Your goal: Every entry must be given again exactly as it is written.

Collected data
++++

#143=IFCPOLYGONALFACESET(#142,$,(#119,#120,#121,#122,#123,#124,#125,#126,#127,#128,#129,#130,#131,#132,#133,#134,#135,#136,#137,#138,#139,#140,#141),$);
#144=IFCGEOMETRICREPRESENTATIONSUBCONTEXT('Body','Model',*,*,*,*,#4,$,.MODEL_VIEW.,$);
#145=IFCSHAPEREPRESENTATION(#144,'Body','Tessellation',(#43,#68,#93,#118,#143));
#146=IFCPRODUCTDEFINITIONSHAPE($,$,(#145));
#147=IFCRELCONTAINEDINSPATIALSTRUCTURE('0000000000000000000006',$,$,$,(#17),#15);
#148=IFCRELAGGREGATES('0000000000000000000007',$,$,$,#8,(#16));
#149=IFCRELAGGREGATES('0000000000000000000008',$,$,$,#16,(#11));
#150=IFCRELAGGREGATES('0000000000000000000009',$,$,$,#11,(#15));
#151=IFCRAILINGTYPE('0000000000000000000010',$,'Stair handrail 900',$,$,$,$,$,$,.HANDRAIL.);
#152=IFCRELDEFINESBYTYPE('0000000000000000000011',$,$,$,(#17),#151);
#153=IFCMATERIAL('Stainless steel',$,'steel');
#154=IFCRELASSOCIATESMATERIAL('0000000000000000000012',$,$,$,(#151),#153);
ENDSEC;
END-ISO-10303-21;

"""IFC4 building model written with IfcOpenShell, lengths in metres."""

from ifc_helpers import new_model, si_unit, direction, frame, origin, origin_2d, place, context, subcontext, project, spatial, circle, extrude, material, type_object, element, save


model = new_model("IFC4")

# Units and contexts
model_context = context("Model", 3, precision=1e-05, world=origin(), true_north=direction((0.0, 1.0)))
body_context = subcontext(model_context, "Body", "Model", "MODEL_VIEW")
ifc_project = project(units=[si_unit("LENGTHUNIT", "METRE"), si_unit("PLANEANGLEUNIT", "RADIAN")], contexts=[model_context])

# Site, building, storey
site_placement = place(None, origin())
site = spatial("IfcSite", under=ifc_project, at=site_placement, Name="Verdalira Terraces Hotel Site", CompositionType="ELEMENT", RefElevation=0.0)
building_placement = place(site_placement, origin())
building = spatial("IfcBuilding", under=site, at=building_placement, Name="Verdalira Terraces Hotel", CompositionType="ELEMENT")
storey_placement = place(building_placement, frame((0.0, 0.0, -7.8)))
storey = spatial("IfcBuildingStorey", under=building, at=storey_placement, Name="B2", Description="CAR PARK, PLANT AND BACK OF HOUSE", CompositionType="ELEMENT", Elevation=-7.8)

++++

Response below:
#143=IFCPOLYGONALFACESET(#142,$,(#119,#120,#121,#122,#123,#124,#125,#126,#127,#128,#129,#130,#131,#132,#133,#134,#135,#136,#137,#138,#139,#140,#141),$);
#144=IFCGEOMETRICREPRESENTATIONSUBCONTEXT('Body','Model',*,*,*,*,#4,$,.MODEL_VIEW.,$);
#145=IFCSHAPEREPRESENTATION(#144,'Body','Tessellation',(#43,#68,#93,#118,#143));
#146=IFCPRODUCTDEFINITIONSHAPE($,$,(#145));
#147=IFCRELCONTAINEDINSPATIALSTRUCTURE('0000000000000000000006',$,$,$,(#17),#15);
#148=IFCRELAGGREGATES('0000000000000000000007',$,$,$,#8,(#16));
#149=IFCRELAGGREGATES('0000000000000000000008',$,$,$,#16,(#11));
#150=IFCRELAGGREGATES('0000000000000000000009',$,$,$,#11,(#15));
#151=IFCRAILINGTYPE('0000000000000000000010',$,'Stair handrail 900',$,$,$,$,$,$,.HANDRAIL.);
#152=IFCRELDEFINESBYTYPE('0000000000000000000011',$,$,$,(#17),#151);
#153=IFCMATERIAL('Stainless steel',$,'steel');
#154=IFCRELASSOCIATESMATERIAL('0000000000000000000012',$,$,$,(#151),#153);
ENDSEC;
END-ISO-10303-21;

"""IFC4 building model written with IfcOpenShell, lengths in metres."""

from ifc_helpers import new_model, si_unit, direction, frame, origin, origin_2d, place, context, subcontext, project, spatial, circle, extrude, material, type_object, element, save


model = new_model("IFC4")

# Units and contexts
model_context = context("Model", 3, precision=1e-05, world=origin(), true_north=direction((0.0, 1.0)))
body_context = subcontext(model_context, "Body", "Model", "MODEL_VIEW")
ifc_project = project(units=[si_unit("LENGTHUNIT", "METRE"), si_unit("PLANEANGLEUNIT", "RADIAN")], contexts=[model_context])

# Site, building, storey
site_placement = place(None, origin())
site = spatial("IfcSite", under=ifc_project, at=site_placement, Name="Verdalira Terraces Hotel Site", CompositionType="ELEMENT", RefElevation=0.0)
building_placement = place(site_placement, origin())
building = spatial("IfcBuilding", under=site, at=building_placement, Name="Verdalira Terraces Hotel", CompositionType="ELEMENT")
storey_placement = place(building_placement, frame((0.0, 0.0, -7.8)))
storey = spatial("IfcBuildingStorey", under=building, at=storey_placement, Name="B2", Description="CAR PARK, PLANT AND BACK OF HOUSE", CompositionType="ELEMENT", Elevation=-7.8)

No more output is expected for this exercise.